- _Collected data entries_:
Content starts

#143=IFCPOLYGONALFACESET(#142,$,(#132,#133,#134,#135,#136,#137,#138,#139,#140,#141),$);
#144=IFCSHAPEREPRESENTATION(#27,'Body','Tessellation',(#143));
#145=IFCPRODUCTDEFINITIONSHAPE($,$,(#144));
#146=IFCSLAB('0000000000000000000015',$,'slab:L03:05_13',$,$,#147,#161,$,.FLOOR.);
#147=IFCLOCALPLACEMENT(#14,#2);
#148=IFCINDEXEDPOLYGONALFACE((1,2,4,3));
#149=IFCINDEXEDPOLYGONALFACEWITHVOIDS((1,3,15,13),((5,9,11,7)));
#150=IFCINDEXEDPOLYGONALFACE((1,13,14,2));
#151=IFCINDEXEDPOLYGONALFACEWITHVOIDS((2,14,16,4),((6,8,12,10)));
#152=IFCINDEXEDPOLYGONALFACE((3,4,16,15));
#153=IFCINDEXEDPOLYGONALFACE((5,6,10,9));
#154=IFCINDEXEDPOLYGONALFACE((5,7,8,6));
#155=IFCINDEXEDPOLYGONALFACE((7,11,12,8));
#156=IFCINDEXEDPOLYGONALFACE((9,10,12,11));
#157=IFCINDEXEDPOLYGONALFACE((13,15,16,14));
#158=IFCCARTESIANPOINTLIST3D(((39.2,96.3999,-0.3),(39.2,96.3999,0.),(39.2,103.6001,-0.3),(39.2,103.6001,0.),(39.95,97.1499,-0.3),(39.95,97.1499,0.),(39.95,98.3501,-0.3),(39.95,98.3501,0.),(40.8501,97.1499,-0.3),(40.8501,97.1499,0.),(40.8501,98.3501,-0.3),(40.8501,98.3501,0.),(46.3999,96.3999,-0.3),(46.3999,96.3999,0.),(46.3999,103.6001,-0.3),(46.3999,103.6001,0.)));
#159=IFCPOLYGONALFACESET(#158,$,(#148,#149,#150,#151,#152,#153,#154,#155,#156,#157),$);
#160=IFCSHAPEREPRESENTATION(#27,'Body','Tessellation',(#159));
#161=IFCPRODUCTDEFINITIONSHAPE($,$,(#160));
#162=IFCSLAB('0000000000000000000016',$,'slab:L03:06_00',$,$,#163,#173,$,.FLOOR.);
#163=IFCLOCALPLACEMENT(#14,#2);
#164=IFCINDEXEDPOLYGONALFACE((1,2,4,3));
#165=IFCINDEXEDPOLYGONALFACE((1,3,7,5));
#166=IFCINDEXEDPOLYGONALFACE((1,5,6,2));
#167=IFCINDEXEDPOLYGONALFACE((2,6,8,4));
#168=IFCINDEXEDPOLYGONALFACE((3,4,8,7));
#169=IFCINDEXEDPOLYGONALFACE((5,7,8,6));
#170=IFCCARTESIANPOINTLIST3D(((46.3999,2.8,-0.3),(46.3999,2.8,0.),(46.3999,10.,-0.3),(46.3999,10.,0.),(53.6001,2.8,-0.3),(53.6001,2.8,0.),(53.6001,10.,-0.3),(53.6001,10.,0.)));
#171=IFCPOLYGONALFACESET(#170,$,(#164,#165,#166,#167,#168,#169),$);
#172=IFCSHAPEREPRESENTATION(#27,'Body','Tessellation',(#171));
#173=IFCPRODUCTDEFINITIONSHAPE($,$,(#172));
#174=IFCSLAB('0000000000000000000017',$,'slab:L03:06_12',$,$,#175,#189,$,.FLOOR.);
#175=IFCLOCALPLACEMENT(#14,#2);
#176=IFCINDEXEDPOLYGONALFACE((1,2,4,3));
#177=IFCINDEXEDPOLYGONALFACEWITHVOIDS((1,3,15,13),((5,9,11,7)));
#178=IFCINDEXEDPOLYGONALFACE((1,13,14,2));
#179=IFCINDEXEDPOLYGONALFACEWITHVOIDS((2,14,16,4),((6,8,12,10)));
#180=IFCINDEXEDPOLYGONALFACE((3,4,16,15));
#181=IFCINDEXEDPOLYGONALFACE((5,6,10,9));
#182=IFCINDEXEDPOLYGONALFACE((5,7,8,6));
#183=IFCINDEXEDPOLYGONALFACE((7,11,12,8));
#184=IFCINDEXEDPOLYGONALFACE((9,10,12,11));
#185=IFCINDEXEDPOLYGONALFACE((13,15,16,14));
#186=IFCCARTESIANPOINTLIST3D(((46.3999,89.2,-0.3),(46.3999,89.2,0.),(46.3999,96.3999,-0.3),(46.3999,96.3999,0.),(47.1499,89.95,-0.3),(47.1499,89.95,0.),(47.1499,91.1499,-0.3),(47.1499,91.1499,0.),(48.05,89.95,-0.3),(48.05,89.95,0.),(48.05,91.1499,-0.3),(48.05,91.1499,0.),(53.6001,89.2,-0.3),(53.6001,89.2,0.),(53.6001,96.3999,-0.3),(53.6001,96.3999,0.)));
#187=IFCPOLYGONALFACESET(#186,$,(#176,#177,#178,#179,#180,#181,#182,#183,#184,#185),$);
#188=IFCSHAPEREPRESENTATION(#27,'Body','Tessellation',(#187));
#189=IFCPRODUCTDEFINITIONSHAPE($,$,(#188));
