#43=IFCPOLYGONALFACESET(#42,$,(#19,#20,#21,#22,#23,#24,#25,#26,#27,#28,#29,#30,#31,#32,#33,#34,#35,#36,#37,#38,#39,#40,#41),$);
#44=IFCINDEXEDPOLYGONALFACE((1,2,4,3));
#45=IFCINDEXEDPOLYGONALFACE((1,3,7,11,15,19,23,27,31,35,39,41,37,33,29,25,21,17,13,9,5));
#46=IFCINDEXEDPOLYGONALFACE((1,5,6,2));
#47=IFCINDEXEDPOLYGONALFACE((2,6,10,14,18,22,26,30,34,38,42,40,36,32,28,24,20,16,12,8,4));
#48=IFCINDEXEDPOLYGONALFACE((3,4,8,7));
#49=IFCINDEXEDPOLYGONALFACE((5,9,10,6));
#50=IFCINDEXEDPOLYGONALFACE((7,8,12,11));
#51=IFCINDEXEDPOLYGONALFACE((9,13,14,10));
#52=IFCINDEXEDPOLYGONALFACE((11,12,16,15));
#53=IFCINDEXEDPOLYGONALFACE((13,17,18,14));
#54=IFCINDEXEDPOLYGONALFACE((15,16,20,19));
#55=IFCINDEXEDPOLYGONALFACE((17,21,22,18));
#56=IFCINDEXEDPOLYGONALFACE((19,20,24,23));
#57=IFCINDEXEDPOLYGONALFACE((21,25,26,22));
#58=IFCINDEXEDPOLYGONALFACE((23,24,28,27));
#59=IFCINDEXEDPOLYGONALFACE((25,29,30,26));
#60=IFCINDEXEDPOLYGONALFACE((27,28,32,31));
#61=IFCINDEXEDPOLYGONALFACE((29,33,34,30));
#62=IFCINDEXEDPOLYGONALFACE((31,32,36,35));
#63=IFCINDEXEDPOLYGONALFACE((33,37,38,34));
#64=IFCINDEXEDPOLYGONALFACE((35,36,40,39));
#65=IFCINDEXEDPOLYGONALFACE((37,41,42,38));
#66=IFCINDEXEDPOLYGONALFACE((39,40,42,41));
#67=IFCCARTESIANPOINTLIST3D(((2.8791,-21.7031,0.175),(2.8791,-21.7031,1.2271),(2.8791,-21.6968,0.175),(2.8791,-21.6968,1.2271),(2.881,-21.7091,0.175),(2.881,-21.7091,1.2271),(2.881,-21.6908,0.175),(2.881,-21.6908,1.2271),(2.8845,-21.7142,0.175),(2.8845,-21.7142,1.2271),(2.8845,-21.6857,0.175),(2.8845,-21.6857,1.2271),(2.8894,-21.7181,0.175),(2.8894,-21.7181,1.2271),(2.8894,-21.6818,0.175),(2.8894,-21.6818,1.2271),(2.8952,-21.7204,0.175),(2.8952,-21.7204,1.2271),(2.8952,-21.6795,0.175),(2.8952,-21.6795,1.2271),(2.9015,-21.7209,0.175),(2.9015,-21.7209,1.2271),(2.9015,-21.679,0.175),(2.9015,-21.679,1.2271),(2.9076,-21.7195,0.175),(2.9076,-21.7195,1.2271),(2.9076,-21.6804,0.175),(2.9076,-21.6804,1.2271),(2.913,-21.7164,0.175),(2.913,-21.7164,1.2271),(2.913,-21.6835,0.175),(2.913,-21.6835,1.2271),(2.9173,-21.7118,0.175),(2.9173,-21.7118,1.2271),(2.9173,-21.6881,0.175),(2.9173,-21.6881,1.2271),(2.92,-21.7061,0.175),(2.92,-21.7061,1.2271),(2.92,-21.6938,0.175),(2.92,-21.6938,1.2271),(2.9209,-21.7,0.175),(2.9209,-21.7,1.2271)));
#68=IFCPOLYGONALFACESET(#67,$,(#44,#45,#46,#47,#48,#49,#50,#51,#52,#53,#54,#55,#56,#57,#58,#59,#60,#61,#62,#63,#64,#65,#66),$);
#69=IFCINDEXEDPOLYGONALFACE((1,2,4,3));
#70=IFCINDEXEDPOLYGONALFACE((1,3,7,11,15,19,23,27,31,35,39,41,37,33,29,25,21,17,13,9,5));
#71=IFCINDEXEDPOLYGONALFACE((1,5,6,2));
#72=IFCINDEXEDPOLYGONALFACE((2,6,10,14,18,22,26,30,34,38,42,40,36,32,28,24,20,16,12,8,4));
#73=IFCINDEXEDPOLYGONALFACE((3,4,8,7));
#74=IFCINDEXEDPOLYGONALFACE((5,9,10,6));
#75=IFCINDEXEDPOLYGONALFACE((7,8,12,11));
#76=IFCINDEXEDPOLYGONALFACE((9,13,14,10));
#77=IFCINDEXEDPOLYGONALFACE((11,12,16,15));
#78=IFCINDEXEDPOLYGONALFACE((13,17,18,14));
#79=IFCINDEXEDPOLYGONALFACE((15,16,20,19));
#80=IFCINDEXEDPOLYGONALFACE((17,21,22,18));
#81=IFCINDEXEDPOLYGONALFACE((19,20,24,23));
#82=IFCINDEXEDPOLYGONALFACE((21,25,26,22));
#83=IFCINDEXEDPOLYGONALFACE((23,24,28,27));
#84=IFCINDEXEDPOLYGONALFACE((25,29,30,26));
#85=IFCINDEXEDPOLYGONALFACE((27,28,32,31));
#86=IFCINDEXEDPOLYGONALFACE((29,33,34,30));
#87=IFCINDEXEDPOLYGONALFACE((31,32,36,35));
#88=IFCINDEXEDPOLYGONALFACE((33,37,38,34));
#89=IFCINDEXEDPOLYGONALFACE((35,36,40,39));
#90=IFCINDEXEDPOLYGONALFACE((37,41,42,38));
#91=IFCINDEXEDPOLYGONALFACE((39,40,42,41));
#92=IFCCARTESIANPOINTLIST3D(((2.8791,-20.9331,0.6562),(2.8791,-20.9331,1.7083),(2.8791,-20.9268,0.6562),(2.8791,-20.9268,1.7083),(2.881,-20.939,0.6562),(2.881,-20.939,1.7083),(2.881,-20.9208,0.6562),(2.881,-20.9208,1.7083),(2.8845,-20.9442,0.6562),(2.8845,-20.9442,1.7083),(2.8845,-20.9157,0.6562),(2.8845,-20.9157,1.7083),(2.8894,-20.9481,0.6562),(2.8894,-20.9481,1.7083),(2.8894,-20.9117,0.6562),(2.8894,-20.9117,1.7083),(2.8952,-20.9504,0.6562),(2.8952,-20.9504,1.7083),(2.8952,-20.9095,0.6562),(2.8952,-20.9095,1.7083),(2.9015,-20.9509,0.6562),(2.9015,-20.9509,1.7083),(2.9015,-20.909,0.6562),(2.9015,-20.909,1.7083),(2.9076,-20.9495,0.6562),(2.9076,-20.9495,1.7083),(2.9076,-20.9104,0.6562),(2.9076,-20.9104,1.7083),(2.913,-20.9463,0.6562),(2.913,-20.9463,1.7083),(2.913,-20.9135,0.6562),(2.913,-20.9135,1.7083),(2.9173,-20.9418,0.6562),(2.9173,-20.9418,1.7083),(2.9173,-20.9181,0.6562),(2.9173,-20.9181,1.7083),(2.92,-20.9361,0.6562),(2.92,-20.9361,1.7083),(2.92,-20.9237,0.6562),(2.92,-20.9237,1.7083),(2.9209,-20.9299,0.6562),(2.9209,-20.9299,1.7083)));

Content ends

- _Problem to work on_:
Look above for the line with "#90=IFCINDEXEDPOLYGONALFACE((37,41,42,38));" and the line with "#91=IFCINDEXEDPOLYGONALFACE((39,40,42,41));". Write out those two lines and all the lines between them, exactly, and no others.

- _Answer below_:
#90=IFCINDEXEDPOLYGONALFACE((37,41,42,38));
#91=IFCINDEXEDPOLYGONALFACE((39,40,42,41));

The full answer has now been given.